Start of Block

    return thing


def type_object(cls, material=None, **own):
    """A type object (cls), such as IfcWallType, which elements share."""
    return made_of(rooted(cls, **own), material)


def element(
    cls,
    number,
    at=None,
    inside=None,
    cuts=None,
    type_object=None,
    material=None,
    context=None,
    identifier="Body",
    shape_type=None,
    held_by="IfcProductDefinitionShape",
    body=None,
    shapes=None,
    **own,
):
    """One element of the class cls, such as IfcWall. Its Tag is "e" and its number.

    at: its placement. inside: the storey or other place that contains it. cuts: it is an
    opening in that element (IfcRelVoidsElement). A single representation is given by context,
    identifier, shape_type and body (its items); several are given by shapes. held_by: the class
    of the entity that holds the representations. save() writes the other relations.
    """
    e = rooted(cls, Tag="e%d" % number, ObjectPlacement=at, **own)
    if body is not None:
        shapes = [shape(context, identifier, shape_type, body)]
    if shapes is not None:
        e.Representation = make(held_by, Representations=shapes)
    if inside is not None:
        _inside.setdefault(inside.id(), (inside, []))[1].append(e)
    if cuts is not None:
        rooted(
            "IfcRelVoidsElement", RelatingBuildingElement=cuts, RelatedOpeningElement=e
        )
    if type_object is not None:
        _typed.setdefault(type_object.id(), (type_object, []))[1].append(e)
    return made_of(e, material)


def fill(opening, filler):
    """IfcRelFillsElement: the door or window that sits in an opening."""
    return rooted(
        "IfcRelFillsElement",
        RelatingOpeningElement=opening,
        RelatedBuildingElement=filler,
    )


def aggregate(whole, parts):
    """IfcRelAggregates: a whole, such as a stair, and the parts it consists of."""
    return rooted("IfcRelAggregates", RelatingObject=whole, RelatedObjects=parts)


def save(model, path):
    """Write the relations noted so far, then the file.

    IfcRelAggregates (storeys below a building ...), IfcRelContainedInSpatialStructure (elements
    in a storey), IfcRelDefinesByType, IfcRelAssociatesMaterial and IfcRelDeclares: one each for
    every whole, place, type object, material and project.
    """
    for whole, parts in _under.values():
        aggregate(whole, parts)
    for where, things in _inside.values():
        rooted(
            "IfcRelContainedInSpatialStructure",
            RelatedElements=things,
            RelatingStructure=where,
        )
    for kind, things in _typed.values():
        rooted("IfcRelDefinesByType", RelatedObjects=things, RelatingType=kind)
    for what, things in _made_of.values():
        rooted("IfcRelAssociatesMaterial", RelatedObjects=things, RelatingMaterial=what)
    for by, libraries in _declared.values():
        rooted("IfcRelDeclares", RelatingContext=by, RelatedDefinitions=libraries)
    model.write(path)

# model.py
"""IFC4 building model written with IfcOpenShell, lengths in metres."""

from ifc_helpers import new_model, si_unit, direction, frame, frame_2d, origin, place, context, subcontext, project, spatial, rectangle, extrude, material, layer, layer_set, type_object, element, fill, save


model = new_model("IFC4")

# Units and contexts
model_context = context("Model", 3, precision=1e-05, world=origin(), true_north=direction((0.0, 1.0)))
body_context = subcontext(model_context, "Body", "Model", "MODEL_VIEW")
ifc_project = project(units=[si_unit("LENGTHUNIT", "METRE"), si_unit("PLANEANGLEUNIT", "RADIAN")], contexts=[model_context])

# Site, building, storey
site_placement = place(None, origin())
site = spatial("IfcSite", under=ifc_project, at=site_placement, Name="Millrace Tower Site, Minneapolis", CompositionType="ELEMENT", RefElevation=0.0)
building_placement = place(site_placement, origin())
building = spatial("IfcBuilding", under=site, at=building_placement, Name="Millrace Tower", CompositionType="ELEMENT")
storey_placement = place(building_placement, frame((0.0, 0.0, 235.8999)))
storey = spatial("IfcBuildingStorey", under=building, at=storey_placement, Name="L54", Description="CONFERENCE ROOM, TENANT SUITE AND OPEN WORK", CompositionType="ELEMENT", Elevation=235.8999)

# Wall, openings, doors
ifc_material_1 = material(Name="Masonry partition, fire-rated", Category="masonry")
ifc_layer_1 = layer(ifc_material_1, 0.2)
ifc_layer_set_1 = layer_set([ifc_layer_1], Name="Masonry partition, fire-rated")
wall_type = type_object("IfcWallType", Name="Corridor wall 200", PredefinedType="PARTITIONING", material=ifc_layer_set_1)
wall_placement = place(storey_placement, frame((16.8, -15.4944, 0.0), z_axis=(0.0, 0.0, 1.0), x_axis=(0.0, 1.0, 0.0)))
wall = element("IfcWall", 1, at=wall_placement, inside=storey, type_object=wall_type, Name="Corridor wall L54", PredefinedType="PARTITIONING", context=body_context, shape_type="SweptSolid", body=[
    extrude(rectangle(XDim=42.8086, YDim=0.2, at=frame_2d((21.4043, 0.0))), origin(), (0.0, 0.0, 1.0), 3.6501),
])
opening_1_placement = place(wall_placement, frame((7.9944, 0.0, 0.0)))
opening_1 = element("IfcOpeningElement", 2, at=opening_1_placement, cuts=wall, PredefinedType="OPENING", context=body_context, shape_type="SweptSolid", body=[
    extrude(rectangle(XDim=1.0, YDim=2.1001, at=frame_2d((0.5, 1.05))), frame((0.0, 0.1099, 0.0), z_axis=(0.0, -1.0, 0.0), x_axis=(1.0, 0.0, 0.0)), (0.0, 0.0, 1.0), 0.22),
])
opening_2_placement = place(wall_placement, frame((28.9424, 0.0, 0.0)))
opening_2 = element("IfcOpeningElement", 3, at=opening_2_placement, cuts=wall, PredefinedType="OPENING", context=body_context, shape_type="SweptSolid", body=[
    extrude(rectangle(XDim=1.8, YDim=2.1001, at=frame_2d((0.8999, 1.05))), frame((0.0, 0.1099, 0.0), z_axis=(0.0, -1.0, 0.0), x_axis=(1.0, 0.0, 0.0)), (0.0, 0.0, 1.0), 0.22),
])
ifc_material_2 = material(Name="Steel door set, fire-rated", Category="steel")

End of Block

→ What the task asks
Above are the lines; repeat exactly the ones from the line containing "e.Representation = make(held_by, Representations=shapes)" down to the line containing "if type_object is", both inclusive.

→ Answer to this problem
        e.Representation = make(held_by, Representations=shapes)
    if inside is not None:
        _inside.setdefault(inside.id(), (inside, []))[1].append(e)
    if cuts is not None:
        rooted(
            "IfcRelVoidsElement", RelatingBuildingElement=cuts, RelatedOpeningElement=e
        )
    if type_object is not None:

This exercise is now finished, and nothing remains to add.